* **Given records**:
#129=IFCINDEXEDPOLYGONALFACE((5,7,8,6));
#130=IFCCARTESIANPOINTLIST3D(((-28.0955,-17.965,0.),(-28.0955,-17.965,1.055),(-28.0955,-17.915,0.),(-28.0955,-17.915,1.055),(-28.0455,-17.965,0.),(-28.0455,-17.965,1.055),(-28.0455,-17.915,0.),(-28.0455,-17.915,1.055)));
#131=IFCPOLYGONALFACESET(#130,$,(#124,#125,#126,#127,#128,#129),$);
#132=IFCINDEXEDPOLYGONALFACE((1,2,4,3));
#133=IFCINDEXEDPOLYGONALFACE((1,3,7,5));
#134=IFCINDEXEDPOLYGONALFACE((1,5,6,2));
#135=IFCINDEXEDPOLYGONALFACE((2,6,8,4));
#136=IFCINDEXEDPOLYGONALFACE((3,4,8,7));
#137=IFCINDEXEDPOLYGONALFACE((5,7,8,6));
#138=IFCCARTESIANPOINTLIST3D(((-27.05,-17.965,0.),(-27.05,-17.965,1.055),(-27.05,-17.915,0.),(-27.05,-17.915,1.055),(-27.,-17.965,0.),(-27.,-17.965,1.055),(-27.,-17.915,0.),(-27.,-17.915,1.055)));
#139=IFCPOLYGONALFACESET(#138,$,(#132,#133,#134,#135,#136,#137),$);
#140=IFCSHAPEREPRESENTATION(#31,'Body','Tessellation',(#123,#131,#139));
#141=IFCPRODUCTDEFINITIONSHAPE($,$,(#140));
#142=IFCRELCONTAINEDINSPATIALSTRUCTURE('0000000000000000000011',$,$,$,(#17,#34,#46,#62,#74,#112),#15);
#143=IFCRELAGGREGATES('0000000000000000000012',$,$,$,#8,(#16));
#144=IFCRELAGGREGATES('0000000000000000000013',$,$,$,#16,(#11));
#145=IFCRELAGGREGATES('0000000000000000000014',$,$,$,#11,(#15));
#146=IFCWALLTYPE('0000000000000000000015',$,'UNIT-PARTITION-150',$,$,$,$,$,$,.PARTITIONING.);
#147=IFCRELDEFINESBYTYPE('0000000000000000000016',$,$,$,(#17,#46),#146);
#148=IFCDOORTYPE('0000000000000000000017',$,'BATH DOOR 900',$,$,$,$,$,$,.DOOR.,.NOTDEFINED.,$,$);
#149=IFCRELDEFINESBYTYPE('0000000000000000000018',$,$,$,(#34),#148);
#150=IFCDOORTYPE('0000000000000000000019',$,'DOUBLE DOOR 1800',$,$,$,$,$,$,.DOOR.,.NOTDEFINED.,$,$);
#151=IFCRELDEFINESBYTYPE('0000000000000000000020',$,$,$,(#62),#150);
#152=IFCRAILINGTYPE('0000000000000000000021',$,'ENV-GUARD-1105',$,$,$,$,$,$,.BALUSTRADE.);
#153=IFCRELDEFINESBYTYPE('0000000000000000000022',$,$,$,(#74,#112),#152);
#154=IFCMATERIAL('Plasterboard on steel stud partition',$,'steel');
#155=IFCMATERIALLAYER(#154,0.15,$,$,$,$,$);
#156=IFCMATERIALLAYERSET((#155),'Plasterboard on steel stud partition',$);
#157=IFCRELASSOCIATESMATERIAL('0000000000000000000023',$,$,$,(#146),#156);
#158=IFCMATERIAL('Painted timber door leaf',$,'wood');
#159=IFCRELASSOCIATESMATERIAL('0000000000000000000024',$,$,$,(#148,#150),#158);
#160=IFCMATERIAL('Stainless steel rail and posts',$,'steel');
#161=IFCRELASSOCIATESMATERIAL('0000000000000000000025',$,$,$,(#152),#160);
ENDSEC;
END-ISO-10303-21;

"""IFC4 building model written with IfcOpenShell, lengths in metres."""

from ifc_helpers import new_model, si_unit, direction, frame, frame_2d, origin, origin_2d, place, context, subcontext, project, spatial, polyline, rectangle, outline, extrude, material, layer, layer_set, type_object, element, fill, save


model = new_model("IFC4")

* **Task brief**:
Copy exactly the lines that run from the one with "from ifc_helpers import" to the last line of the material, including both.

* **Exercise result**:
from ifc_helpers import new_model, si_unit, direction, frame, frame_2d, origin, origin_2d, place, context, subcontext, project, spatial, polyline, rectangle, outline, extrude, material, layer, layer_set, type_object, element, fill, save


model = new_model("IFC4")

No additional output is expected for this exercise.